— Exercise goal —
With both ends included, repeat exactly the lines of the entries below from the one containing "#96=IFCINDEXEDPOLYGONALFACE((3,4,8,7));" down to the one containing "#109=IFCINDEXEDPOLYGONALFACE((5,7,8,6));", and no others.

— Stored items —
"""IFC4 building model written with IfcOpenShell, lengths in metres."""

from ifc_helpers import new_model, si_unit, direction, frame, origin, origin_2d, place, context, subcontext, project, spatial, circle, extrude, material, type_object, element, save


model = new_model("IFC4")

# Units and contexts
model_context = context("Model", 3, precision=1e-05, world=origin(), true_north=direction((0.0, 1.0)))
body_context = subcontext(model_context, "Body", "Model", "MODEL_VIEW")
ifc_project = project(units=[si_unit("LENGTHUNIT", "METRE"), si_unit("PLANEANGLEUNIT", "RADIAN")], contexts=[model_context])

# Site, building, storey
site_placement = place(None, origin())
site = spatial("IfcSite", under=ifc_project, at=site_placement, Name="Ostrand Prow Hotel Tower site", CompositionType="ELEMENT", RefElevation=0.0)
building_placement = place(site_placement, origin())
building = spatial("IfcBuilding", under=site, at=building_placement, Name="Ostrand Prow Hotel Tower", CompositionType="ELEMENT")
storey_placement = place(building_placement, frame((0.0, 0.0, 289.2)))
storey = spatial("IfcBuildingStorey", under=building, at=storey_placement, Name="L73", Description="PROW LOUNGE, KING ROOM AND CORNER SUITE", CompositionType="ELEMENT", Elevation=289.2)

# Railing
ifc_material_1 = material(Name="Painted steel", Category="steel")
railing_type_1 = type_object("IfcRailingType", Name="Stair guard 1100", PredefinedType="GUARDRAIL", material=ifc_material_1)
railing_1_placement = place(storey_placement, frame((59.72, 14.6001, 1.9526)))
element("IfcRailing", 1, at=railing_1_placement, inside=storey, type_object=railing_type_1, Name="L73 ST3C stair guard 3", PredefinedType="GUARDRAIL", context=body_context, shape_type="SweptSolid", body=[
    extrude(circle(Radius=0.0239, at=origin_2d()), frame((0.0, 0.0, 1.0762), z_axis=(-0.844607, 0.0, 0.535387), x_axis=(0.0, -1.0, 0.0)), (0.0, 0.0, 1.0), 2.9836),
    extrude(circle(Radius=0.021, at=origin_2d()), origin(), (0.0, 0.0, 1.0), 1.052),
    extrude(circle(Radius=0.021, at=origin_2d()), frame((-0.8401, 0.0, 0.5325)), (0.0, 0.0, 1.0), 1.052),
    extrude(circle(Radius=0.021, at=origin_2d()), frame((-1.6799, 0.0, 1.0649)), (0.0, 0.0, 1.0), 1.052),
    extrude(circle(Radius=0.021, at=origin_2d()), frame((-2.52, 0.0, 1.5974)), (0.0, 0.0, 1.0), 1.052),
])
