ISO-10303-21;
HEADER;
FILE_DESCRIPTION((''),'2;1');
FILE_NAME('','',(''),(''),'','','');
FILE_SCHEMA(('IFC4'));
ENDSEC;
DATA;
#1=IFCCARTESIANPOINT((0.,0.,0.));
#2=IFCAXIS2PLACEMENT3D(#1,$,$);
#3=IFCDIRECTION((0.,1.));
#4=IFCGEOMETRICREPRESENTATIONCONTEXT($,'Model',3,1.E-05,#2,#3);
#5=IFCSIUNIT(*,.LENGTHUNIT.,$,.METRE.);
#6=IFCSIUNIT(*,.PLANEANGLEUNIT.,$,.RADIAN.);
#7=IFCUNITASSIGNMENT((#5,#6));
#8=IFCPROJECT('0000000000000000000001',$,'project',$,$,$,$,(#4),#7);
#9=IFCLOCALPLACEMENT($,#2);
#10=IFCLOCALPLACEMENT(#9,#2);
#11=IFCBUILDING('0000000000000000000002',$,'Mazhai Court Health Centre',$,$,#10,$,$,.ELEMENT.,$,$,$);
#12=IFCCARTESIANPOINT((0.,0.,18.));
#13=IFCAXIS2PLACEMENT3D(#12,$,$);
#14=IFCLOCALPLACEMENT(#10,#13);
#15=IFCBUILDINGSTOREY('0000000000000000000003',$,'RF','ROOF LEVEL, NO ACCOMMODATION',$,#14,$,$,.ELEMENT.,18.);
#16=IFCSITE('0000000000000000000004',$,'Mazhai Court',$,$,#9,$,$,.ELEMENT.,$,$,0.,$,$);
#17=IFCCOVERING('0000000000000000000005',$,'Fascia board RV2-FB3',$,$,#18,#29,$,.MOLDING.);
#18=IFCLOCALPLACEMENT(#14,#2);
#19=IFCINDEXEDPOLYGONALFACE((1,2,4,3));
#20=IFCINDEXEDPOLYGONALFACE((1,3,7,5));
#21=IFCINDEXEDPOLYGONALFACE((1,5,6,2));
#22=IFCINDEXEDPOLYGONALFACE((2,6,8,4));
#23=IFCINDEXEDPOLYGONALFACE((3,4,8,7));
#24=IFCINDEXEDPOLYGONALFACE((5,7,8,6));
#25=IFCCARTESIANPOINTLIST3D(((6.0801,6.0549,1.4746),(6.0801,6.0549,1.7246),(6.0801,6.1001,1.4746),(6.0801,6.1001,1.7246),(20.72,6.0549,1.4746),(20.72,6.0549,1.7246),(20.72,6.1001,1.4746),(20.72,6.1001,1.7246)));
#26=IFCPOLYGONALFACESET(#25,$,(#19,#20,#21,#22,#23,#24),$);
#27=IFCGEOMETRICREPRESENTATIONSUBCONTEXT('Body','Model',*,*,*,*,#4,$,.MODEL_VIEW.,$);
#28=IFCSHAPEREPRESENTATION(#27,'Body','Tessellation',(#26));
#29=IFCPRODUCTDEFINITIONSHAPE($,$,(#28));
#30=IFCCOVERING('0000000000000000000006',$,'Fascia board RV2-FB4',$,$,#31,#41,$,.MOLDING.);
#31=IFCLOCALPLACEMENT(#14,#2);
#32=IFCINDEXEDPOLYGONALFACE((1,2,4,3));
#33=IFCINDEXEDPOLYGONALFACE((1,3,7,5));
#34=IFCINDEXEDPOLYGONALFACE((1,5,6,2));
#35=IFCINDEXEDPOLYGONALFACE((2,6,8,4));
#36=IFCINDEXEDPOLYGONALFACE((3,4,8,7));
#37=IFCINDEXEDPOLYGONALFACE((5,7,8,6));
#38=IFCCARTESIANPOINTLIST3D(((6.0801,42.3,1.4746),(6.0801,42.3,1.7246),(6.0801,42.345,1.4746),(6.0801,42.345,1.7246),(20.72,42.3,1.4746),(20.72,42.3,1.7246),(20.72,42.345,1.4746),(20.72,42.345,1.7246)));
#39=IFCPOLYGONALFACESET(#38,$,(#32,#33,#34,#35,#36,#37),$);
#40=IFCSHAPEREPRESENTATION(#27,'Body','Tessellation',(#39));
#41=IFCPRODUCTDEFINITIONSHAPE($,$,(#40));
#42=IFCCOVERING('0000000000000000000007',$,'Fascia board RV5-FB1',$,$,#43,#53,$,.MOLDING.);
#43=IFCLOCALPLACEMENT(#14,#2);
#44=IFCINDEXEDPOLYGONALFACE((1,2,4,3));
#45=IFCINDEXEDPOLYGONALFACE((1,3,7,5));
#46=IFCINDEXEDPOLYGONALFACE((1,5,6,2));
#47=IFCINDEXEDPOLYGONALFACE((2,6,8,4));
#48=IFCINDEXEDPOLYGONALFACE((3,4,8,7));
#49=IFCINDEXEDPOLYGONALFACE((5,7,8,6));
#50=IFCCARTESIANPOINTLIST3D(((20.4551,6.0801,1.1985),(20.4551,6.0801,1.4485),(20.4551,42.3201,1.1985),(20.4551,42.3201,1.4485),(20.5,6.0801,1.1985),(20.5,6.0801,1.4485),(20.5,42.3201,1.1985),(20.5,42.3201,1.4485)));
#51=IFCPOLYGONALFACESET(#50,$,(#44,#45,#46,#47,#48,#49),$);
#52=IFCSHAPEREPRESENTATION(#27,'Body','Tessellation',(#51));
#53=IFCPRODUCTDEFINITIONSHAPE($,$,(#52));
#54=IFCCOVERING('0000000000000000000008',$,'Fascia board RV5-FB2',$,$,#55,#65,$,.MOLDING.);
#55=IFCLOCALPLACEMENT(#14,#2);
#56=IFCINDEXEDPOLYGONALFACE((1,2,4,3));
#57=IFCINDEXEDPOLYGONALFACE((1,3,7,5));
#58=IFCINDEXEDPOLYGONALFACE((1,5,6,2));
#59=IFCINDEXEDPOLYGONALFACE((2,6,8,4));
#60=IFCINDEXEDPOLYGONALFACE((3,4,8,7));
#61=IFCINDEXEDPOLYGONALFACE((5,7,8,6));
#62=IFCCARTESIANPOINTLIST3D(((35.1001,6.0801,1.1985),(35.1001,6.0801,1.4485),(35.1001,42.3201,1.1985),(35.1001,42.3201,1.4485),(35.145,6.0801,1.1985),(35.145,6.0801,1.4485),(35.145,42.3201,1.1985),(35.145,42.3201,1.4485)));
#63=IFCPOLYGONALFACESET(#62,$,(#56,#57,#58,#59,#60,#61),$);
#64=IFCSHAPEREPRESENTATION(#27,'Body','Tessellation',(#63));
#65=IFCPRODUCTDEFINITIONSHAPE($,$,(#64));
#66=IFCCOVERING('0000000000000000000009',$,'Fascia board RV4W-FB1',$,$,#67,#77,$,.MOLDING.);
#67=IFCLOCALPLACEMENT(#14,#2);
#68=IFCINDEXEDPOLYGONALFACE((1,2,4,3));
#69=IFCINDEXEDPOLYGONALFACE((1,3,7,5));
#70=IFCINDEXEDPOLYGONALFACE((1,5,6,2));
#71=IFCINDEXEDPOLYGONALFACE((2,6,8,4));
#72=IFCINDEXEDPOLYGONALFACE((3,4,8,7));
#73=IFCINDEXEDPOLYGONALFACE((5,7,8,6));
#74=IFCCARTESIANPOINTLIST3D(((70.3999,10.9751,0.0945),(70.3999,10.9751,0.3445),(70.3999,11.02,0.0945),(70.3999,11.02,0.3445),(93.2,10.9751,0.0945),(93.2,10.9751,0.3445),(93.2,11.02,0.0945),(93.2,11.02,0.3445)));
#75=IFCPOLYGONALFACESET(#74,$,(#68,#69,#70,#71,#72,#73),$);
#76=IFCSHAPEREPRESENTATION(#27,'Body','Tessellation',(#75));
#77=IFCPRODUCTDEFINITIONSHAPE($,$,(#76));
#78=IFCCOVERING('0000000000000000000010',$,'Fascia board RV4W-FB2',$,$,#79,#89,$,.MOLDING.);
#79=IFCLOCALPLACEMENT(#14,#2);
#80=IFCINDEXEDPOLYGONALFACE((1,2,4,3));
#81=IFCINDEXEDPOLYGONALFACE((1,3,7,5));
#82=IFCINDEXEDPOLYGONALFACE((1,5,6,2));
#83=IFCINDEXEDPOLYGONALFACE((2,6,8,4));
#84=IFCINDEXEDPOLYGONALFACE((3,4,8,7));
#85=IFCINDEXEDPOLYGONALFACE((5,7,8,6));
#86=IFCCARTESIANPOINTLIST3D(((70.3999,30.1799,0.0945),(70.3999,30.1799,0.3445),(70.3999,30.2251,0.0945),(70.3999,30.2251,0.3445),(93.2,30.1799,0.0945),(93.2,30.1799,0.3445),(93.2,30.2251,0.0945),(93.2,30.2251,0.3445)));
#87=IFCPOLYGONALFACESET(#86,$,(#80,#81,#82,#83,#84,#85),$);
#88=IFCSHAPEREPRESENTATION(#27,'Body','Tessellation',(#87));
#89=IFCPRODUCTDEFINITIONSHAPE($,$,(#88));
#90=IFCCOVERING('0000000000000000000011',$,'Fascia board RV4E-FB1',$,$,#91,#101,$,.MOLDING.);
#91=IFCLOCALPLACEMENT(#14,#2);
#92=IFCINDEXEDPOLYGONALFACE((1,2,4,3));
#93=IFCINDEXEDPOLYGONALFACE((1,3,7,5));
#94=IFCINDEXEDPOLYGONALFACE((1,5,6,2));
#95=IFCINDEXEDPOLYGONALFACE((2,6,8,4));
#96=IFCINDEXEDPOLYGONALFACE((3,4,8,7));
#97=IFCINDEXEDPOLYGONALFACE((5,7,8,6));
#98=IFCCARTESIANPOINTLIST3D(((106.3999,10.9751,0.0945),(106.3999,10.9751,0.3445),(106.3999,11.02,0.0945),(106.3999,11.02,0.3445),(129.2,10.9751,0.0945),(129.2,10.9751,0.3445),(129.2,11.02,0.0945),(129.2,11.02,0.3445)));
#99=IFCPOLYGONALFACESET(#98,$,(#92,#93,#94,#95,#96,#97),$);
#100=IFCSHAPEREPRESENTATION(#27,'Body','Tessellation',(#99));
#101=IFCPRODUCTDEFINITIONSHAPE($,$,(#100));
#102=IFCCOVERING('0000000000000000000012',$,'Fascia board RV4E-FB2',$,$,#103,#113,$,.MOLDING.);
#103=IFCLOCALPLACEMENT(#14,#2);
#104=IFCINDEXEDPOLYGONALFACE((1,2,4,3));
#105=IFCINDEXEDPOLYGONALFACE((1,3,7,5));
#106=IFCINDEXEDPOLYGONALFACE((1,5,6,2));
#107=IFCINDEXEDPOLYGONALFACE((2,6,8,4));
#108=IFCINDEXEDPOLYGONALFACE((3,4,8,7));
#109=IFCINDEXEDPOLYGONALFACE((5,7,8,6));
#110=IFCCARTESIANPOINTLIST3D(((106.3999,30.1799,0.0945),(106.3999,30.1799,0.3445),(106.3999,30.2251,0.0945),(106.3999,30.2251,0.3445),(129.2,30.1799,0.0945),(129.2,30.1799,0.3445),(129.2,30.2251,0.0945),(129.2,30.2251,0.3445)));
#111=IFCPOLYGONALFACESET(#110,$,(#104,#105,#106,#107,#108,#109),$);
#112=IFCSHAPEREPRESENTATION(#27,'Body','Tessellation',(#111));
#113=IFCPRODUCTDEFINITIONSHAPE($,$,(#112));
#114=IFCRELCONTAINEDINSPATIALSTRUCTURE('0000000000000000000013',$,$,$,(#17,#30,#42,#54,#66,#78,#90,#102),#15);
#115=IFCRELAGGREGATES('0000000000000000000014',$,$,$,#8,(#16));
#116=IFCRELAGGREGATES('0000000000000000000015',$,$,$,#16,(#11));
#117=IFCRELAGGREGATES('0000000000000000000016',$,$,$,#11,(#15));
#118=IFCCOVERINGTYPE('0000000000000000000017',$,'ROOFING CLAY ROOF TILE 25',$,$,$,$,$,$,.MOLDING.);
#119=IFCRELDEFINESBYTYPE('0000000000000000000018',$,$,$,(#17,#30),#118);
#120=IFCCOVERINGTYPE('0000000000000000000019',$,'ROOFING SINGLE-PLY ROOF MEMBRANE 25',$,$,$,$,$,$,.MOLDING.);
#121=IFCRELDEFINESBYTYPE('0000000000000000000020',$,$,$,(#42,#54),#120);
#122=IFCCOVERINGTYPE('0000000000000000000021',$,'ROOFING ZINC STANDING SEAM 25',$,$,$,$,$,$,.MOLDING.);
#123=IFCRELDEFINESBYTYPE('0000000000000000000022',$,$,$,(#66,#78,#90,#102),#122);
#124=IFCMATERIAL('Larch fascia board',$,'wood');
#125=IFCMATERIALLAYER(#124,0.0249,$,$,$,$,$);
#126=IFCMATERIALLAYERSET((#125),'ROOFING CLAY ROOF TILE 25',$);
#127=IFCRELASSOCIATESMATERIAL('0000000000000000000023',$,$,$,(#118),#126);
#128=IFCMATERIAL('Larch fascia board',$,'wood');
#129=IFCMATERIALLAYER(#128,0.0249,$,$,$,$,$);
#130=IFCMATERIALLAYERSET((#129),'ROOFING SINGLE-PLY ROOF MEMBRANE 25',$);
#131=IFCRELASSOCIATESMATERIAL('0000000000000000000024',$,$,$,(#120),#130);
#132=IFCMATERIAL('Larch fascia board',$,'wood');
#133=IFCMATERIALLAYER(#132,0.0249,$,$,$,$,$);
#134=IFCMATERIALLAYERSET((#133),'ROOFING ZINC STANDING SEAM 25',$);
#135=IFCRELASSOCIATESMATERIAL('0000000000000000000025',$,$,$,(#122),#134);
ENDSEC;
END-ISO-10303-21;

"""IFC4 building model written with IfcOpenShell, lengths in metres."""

from ifc_helpers import new_model, si_unit, direction, frame, origin, place, context, subcontext, project, spatial, polyline, outline, extrude, material, layer, layer_set, type_object, element, save


model = new_model("IFC4")

# Units and contexts
model_context = context("Model", 3, precision=1e-05, world=origin(), true_north=direction((0.0, 1.0)))
body_context = subcontext(model_context, "Body", "Model", "MODEL_VIEW")
ifc_project = project(units=[si_unit("LENGTHUNIT", "METRE"), si_unit("PLANEANGLEUNIT", "RADIAN")], contexts=[model_context])

# Site, building, storey
site_placement = place(None, origin())
site = spatial("IfcSite", under=ifc_project, at=site_placement, Name="Mazhai Court", CompositionType="ELEMENT", RefElevation=0.0)
building_placement = place(site_placement, origin())
building = spatial("IfcBuilding", under=site, at=building_placement, Name="Mazhai Court Health Centre", CompositionType="ELEMENT")
storey_placement = place(building_placement, frame((0.0, 0.0, 18.0)))
storey = spatial("IfcBuildingStorey", under=building, at=storey_placement, Name="RF", Description="ROOF LEVEL, NO ACCOMMODATION", CompositionType="ELEMENT", Elevation=18.0)

# Coverings
ifc_material_1 = material(Name="Larch fascia board", Category="wood")
ifc_layer_1 = layer(ifc_material_1, 0.0249)
ifc_layer_set_1 = layer_set([ifc_layer_1], Name="ROOFING CLAY ROOF TILE 25")
covering_type_1 = type_object("IfcCoveringType", Name="ROOFING CLAY ROOF TILE 25", PredefinedType="MOLDING", material=ifc_layer_set_1)
covering_1_placement = place(storey_placement, frame((0.0, 0.0, 1.4746)))
element("IfcCovering", 1, at=covering_1_placement, inside=storey, type_object=covering_type_1, Name="Fascia board RV2-FB3", PredefinedType="MOLDING", context=body_context, shape_type="SweptSolid", body=[
    extrude(outline(polyline([(20.72, 6.1001), (6.0801, 6.1001), (6.0801, 6.0549), (20.72, 6.0549), (20.72, 6.1001)])), origin(), (0.0, 0.0, 1.0), 0.25),
])
covering_2_placement = place(storey_placement, frame((0.0, 0.0, 1.4746)))
element("IfcCovering", 2, at=covering_2_placement, inside=storey, type_object=covering_type_1, Name="Fascia board RV2-FB4", PredefinedType="MOLDING", context=body_context, shape_type="SweptSolid", body=[
    extrude(outline(polyline([(6.0801, 42.3), (20.72, 42.3), (20.72, 42.345), (6.0801, 42.345), (6.0801, 42.3)])), origin(), (0.0, 0.0, 1.0), 0.25),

— Task output —
#96=IFCINDEXEDPOLYGONALFACE((3,4,8,7));
#97=IFCINDEXEDPOLYGONALFACE((5,7,8,6));
#98=IFCCARTESIANPOINTLIST3D(((106.3999,10.9751,0.0945),(106.3999,10.9751,0.3445),(106.3999,11.02,0.0945),(106.3999,11.02,0.3445),(129.2,10.9751,0.0945),(129.2,10.9751,0.3445),(129.2,11.02,0.0945),(129.2,11.02,0.3445)));
#99=IFCPOLYGONALFACESET(#98,$,(#92,#93,#94,#95,#96,#97),$);
#100=IFCSHAPEREPRESENTATION(#27,'Body','Tessellation',(#99));
#101=IFCPRODUCTDEFINITIONSHAPE($,$,(#100));
#102=IFCCOVERING('0000000000000000000012',$,'Fascia board RV4E-FB2',$,$,#103,#113,$,.MOLDING.);
#103=IFCLOCALPLACEMENT(#14,#2);
#104=IFCINDEXEDPOLYGONALFACE((1,2,4,3));
#105=IFCINDEXEDPOLYGONALFACE((1,3,7,5));
#106=IFCINDEXEDPOLYGONALFACE((1,5,6,2));
#107=IFCINDEXEDPOLYGONALFACE((2,6,8,4));
#108=IFCINDEXEDPOLYGONALFACE((3,4,8,7));
#109=IFCINDEXEDPOLYGONALFACE((5,7,8,6));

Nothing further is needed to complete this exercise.